-- Raw data follows --
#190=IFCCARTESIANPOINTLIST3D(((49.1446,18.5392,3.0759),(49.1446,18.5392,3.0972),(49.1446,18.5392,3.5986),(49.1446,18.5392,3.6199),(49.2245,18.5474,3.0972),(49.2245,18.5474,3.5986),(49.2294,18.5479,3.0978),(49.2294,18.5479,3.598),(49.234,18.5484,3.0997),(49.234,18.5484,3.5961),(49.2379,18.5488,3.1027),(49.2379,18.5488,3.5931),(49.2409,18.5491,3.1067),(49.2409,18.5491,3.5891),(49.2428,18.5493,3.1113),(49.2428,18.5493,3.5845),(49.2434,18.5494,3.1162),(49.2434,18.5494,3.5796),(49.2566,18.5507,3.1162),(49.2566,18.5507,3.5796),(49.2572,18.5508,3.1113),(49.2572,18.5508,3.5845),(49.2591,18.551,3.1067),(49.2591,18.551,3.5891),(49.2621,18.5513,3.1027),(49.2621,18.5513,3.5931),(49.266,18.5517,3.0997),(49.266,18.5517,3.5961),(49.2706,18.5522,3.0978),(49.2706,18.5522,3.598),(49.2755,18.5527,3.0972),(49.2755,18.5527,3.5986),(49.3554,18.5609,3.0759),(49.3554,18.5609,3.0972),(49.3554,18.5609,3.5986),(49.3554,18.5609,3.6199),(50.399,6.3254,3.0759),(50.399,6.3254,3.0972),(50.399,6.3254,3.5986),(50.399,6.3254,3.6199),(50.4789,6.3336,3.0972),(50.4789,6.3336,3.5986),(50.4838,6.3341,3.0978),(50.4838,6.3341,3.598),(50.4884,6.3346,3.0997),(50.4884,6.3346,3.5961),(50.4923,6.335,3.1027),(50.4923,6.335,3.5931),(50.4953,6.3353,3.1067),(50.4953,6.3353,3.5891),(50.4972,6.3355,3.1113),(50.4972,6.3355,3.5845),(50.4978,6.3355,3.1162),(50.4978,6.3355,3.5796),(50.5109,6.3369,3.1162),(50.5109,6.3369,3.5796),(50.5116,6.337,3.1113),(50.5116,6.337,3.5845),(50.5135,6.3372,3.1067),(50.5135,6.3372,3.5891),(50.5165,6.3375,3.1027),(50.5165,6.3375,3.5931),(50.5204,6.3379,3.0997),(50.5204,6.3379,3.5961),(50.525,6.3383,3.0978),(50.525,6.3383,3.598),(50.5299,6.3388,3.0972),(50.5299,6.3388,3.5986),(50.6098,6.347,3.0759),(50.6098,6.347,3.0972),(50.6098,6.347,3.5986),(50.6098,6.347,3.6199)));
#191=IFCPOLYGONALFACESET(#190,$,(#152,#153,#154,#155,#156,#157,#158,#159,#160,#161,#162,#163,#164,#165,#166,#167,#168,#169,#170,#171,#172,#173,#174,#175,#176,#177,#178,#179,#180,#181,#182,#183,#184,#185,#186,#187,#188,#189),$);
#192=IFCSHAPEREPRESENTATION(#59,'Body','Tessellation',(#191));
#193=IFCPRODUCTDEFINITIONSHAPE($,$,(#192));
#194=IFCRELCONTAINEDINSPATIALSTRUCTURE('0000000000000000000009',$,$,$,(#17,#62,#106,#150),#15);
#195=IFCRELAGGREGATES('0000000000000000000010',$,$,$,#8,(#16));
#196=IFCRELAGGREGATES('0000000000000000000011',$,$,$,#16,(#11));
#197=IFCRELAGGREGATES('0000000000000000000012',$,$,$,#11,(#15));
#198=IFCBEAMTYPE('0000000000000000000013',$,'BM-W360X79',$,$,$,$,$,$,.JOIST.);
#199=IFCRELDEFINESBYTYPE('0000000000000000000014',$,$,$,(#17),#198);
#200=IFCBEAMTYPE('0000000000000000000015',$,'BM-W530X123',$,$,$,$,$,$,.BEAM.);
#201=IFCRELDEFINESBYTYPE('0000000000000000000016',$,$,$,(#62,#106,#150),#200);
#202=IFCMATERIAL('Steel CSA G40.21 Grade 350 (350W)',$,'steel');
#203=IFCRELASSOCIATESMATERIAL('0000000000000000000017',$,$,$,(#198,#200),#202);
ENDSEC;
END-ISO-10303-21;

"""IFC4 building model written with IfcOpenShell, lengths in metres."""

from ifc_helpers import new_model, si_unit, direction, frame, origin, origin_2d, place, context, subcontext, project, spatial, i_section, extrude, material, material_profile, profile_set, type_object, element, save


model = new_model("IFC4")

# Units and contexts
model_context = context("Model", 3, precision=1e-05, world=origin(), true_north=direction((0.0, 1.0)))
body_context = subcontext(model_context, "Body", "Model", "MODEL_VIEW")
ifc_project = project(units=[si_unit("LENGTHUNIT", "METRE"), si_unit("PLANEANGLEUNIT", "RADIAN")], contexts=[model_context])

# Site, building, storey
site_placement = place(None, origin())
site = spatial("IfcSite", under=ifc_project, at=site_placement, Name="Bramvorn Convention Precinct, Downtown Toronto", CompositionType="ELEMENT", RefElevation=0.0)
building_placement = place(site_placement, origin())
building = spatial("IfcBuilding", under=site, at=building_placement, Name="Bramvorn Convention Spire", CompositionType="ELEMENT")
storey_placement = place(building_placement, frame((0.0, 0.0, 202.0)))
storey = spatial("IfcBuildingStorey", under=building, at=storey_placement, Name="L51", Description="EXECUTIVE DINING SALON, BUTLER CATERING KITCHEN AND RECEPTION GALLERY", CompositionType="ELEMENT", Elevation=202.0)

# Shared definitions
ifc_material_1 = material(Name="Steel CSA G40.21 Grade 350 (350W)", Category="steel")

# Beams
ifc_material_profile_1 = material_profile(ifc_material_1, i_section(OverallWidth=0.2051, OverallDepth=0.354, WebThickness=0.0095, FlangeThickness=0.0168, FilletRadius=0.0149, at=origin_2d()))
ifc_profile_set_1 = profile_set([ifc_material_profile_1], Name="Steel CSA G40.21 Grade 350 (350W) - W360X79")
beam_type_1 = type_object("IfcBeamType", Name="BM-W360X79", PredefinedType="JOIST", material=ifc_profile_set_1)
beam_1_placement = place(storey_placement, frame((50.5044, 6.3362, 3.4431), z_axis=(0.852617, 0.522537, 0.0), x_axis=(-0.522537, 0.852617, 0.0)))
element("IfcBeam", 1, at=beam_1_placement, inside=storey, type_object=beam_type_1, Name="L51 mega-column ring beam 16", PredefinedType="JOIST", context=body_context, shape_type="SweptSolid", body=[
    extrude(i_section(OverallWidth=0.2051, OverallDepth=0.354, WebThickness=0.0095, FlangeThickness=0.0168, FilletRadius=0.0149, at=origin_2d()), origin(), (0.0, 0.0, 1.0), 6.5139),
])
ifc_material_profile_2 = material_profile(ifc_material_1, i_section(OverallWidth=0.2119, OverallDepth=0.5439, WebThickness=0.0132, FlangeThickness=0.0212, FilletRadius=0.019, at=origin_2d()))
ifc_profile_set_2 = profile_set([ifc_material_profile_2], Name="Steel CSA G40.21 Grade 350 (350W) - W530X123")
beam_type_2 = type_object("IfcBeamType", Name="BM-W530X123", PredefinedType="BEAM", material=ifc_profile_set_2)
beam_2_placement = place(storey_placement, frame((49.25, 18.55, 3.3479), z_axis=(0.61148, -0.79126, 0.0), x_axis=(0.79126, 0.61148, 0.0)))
-- Raw data concluded --
What the exercise asks:
Copy out the records above without altering anything.

Written response:
#190=IFCCARTESIANPOINTLIST3D(((49.1446,18.5392,3.0759),(49.1446,18.5392,3.0972),(49.1446,18.5392,3.5986),(49.1446,18.5392,3.6199),(49.2245,18.5474,3.0972),(49.2245,18.5474,3.5986),(49.2294,18.5479,3.0978),(49.2294,18.5479,3.598),(49.234,18.5484,3.0997),(49.234,18.5484,3.5961),(49.2379,18.5488,3.1027),(49.2379,18.5488,3.5931),(49.2409,18.5491,3.1067),(49.2409,18.5491,3.5891),(49.2428,18.5493,3.1113),(49.2428,18.5493,3.5845),(49.2434,18.5494,3.1162),(49.2434,18.5494,3.5796),(49.2566,18.5507,3.1162),(49.2566,18.5507,3.5796),(49.2572,18.5508,3.1113),(49.2572,18.5508,3.5845),(49.2591,18.551,3.1067),(49.2591,18.551,3.5891),(49.2621,18.5513,3.1027),(49.2621,18.5513,3.5931),(49.266,18.5517,3.0997),(49.266,18.5517,3.5961),(49.2706,18.5522,3.0978),(49.2706,18.5522,3.598),(49.2755,18.5527,3.0972),(49.2755,18.5527,3.5986),(49.3554,18.5609,3.0759),(49.3554,18.5609,3.0972),(49.3554,18.5609,3.5986),(49.3554,18.5609,3.6199),(50.399,6.3254,3.0759),(50.399,6.3254,3.0972),(50.399,6.3254,3.5986),(50.399,6.3254,3.6199),(50.4789,6.3336,3.0972),(50.4789,6.3336,3.5986),(50.4838,6.3341,3.0978),(50.4838,6.3341,3.598),(50.4884,6.3346,3.0997),(50.4884,6.3346,3.5961),(50.4923,6.335,3.1027),(50.4923,6.335,3.5931),(50.4953,6.3353,3.1067),(50.4953,6.3353,3.5891),(50.4972,6.3355,3.1113),(50.4972,6.3355,3.5845),(50.4978,6.3355,3.1162),(50.4978,6.3355,3.5796),(50.5109,6.3369,3.1162),(50.5109,6.3369,3.5796),(50.5116,6.337,3.1113),(50.5116,6.337,3.5845),(50.5135,6.3372,3.1067),(50.5135,6.3372,3.5891),(50.5165,6.3375,3.1027),(50.5165,6.3375,3.5931),(50.5204,6.3379,3.0997),(50.5204,6.3379,3.5961),(50.525,6.3383,3.0978),(50.525,6.3383,3.598),(50.5299,6.3388,3.0972),(50.5299,6.3388,3.5986),(50.6098,6.347,3.0759),(50.6098,6.347,3.0972),(50.6098,6.347,3.5986),(50.6098,6.347,3.6199)));
#191=IFCPOLYGONALFACESET(#190,$,(#152,#153,#154,#155,#156,#157,#158,#159,#160,#161,#162,#163,#164,#165,#166,#167,#168,#169,#170,#171,#172,#173,#174,#175,#176,#177,#178,#179,#180,#181,#182,#183,#184,#185,#186,#187,#188,#189),$);
#192=IFCSHAPEREPRESENTATION(#59,'Body','Tessellation',(#191));
#193=IFCPRODUCTDEFINITIONSHAPE($,$,(#192));
#194=IFCRELCONTAINEDINSPATIALSTRUCTURE('0000000000000000000009',$,$,$,(#17,#62,#106,#150),#15);
#195=IFCRELAGGREGATES('0000000000000000000010',$,$,$,#8,(#16));
#196=IFCRELAGGREGATES('0000000000000000000011',$,$,$,#16,(#11));
#197=IFCRELAGGREGATES('0000000000000000000012',$,$,$,#11,(#15));
#198=IFCBEAMTYPE('0000000000000000000013',$,'BM-W360X79',$,$,$,$,$,$,.JOIST.);
#199=IFCRELDEFINESBYTYPE('0000000000000000000014',$,$,$,(#17),#198);
#200=IFCBEAMTYPE('0000000000000000000015',$,'BM-W530X123',$,$,$,$,$,$,.BEAM.);
#201=IFCRELDEFINESBYTYPE('0000000000000000000016',$,$,$,(#62,#106,#150),#200);
#202=IFCMATERIAL('Steel CSA G40.21 Grade 350 (350W)',$,'steel');
#203=IFCRELASSOCIATESMATERIAL('0000000000000000000017',$,$,$,(#198,#200),#202);
ENDSEC;
END-ISO-10303-21;

"""IFC4 building model written with IfcOpenShell, lengths in metres."""

from ifc_helpers import new_model, si_unit, direction, frame, origin, origin_2d, place, context, subcontext, project, spatial, i_section, extrude, material, material_profile, profile_set, type_object, element, save


model = new_model("IFC4")

# Units and contexts
model_context = context("Model", 3, precision=1e-05, world=origin(), true_north=direction((0.0, 1.0)))
body_context = subcontext(model_context, "Body", "Model", "MODEL_VIEW")
ifc_project = project(units=[si_unit("LENGTHUNIT", "METRE"), si_unit("PLANEANGLEUNIT", "RADIAN")], contexts=[model_context])

# Site, building, storey
site_placement = place(None, origin())
site = spatial("IfcSite", under=ifc_project, at=site_placement, Name="Bramvorn Convention Precinct, Downtown Toronto", CompositionType="ELEMENT", RefElevation=0.0)
building_placement = place(site_placement, origin())
building = spatial("IfcBuilding", under=site, at=building_placement, Name="Bramvorn Convention Spire", CompositionType="ELEMENT")
storey_placement = place(building_placement, frame((0.0, 0.0, 202.0)))
storey = spatial("IfcBuildingStorey", under=building, at=storey_placement, Name="L51", Description="EXECUTIVE DINING SALON, BUTLER CATERING KITCHEN AND RECEPTION GALLERY", CompositionType="ELEMENT", Elevation=202.0)

# Shared definitions
ifc_material_1 = material(Name="Steel CSA G40.21 Grade 350 (350W)", Category="steel")

# Beams
ifc_material_profile_1 = material_profile(ifc_material_1, i_section(OverallWidth=0.2051, OverallDepth=0.354, WebThickness=0.0095, FlangeThickness=0.0168, FilletRadius=0.0149, at=origin_2d()))
ifc_profile_set_1 = profile_set([ifc_material_profile_1], Name="Steel CSA G40.21 Grade 350 (350W) - W360X79")
beam_type_1 = type_object("IfcBeamType", Name="BM-W360X79", PredefinedType="JOIST", material=ifc_profile_set_1)
beam_1_placement = place(storey_placement, frame((50.5044, 6.3362, 3.4431), z_axis=(0.852617, 0.522537, 0.0), x_axis=(-0.522537, 0.852617, 0.0)))
element("IfcBeam", 1, at=beam_1_placement, inside=storey, type_object=beam_type_1, Name="L51 mega-column ring beam 16", PredefinedType="JOIST", context=body_context, shape_type="SweptSolid", body=[
    extrude(i_section(OverallWidth=0.2051, OverallDepth=0.354, WebThickness=0.0095, FlangeThickness=0.0168, FilletRadius=0.0149, at=origin_2d()), origin(), (0.0, 0.0, 1.0), 6.5139),
])
ifc_material_profile_2 = material_profile(ifc_material_1, i_section(OverallWidth=0.2119, OverallDepth=0.5439, WebThickness=0.0132, FlangeThickness=0.0212, FilletRadius=0.019, at=origin_2d()))
ifc_profile_set_2 = profile_set([ifc_material_profile_2], Name="Steel CSA G40.21 Grade 350 (350W) - W530X123")
beam_type_2 = type_object("IfcBeamType", Name="BM-W530X123", PredefinedType="BEAM", material=ifc_profile_set_2)
beam_2_placement = place(storey_placement, frame((49.25, 18.55, 3.3479), z_axis=(0.61148, -0.79126, 0.0), x_axis=(0.79126, 0.61148, 0.0)))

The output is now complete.